_Records supplied_
+++

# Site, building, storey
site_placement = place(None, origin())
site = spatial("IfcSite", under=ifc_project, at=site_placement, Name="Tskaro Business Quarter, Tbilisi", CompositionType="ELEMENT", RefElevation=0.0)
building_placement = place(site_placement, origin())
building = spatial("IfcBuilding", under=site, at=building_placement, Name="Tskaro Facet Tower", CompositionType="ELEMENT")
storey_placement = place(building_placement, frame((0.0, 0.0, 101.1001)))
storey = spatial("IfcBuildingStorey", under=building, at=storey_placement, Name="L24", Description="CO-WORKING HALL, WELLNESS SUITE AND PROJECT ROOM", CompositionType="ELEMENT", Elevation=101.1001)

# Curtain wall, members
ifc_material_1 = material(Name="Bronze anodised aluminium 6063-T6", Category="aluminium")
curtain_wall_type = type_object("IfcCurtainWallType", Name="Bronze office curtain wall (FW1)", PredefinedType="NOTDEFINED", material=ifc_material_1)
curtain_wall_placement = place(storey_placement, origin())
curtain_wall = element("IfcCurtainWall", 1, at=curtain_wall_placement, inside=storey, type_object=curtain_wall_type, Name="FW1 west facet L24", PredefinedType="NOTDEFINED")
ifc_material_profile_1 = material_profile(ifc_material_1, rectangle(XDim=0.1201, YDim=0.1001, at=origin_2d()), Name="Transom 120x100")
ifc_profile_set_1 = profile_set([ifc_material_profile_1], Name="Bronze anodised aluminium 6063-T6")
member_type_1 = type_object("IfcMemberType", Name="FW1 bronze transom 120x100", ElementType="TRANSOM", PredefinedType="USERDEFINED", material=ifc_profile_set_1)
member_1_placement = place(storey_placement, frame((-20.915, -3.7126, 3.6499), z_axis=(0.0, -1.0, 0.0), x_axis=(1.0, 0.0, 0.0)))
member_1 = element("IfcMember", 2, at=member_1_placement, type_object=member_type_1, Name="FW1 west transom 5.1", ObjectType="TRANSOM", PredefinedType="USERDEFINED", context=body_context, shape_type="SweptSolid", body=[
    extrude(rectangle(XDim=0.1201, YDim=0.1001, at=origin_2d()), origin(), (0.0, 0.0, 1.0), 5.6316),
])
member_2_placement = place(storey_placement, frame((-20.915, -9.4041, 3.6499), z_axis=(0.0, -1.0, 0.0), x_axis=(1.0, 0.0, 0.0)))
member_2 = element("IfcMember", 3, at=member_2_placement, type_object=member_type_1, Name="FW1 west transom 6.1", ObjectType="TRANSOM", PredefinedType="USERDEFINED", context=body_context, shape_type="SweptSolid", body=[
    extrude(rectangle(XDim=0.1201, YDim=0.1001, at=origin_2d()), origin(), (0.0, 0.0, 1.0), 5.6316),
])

+++

_Task objective_
Give back the entire listing, line for line, exactly as it stands.

_Response to this task_
# Site, building, storey
site_placement = place(None, origin())
site = spatial("IfcSite", under=ifc_project, at=site_placement, Name="Tskaro Business Quarter, Tbilisi", CompositionType="ELEMENT", RefElevation=0.0)
building_placement = place(site_placement, origin())
building = spatial("IfcBuilding", under=site, at=building_placement, Name="Tskaro Facet Tower", CompositionType="ELEMENT")
storey_placement = place(building_placement, frame((0.0, 0.0, 101.1001)))
storey = spatial("IfcBuildingStorey", under=building, at=storey_placement, Name="L24", Description="CO-WORKING HALL, WELLNESS SUITE AND PROJECT ROOM", CompositionType="ELEMENT", Elevation=101.1001)

# Curtain wall, members
ifc_material_1 = material(Name="Bronze anodised aluminium 6063-T6", Category="aluminium")
curtain_wall_type = type_object("IfcCurtainWallType", Name="Bronze office curtain wall (FW1)", PredefinedType="NOTDEFINED", material=ifc_material_1)
curtain_wall_placement = place(storey_placement, origin())
curtain_wall = element("IfcCurtainWall", 1, at=curtain_wall_placement, inside=storey, type_object=curtain_wall_type, Name="FW1 west facet L24", PredefinedType="NOTDEFINED")
ifc_material_profile_1 = material_profile(ifc_material_1, rectangle(XDim=0.1201, YDim=0.1001, at=origin_2d()), Name="Transom 120x100")
ifc_profile_set_1 = profile_set([ifc_material_profile_1], Name="Bronze anodised aluminium 6063-T6")
member_type_1 = type_object("IfcMemberType", Name="FW1 bronze transom 120x100", ElementType="TRANSOM", PredefinedType="USERDEFINED", material=ifc_profile_set_1)
member_1_placement = place(storey_placement, frame((-20.915, -3.7126, 3.6499), z_axis=(0.0, -1.0, 0.0), x_axis=(1.0, 0.0, 0.0)))
member_1 = element("IfcMember", 2, at=member_1_placement, type_object=member_type_1, Name="FW1 west transom 5.1", ObjectType="TRANSOM", PredefinedType="USERDEFINED", context=body_context, shape_type="SweptSolid", body=[
    extrude(rectangle(XDim=0.1201, YDim=0.1001, at=origin_2d()), origin(), (0.0, 0.0, 1.0), 5.6316),
])
member_2_placement = place(storey_placement, frame((-20.915, -9.4041, 3.6499), z_axis=(0.0, -1.0, 0.0), x_axis=(1.0, 0.0, 0.0)))
member_2 = element("IfcMember", 3, at=member_2_placement, type_object=member_type_1, Name="FW1 west transom 6.1", ObjectType="TRANSOM", PredefinedType="USERDEFINED", context=body_context, shape_type="SweptSolid", body=[
    extrude(rectangle(XDim=0.1201, YDim=0.1001, at=origin_2d()), origin(), (0.0, 0.0, 1.0), 5.6316),
])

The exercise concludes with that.